=== Your assignment ===
Pull out from the material below all lines with "origin".
Dataset entries: Begin
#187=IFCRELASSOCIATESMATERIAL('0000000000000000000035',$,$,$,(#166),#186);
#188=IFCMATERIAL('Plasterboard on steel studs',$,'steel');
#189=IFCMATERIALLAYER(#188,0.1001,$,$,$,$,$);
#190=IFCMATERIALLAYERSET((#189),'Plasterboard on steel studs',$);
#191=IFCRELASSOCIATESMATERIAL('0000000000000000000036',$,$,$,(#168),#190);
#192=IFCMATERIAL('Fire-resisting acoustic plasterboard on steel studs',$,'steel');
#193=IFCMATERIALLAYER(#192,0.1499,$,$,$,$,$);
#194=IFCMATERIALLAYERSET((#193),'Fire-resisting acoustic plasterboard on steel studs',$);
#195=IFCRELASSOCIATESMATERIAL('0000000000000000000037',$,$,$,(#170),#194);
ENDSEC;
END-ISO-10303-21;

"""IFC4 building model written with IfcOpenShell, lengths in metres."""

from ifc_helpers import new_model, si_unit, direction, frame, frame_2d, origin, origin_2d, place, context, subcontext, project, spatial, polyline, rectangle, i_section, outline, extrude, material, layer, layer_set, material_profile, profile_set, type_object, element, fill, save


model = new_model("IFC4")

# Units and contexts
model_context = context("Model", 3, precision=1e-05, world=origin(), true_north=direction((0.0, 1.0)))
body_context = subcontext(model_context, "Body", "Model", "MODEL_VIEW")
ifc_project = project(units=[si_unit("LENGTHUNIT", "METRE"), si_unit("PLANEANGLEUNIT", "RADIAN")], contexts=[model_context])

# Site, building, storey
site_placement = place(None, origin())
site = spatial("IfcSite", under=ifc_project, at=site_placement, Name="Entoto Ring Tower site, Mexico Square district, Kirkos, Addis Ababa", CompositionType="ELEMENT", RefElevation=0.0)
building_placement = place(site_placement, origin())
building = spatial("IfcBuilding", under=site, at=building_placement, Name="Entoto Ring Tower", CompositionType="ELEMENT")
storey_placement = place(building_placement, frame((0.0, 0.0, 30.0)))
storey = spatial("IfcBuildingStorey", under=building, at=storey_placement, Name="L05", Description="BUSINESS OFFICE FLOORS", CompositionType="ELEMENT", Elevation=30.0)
Dataset entries: End
=== Your response ===
from ifc_helpers import new_model, si_unit, direction, frame, frame_2d, origin, origin_2d, place, context, subcontext, project, spatial, polyline, rectangle, i_section, outline, extrude, material, layer, layer_set, material_profile, profile_set, type_object, element, fill, save
model_context = context("Model", 3, precision=1e-05, world=origin(), true_north=direction((0.0, 1.0)))
site_placement = place(None, origin())
building_placement = place(site_placement, origin())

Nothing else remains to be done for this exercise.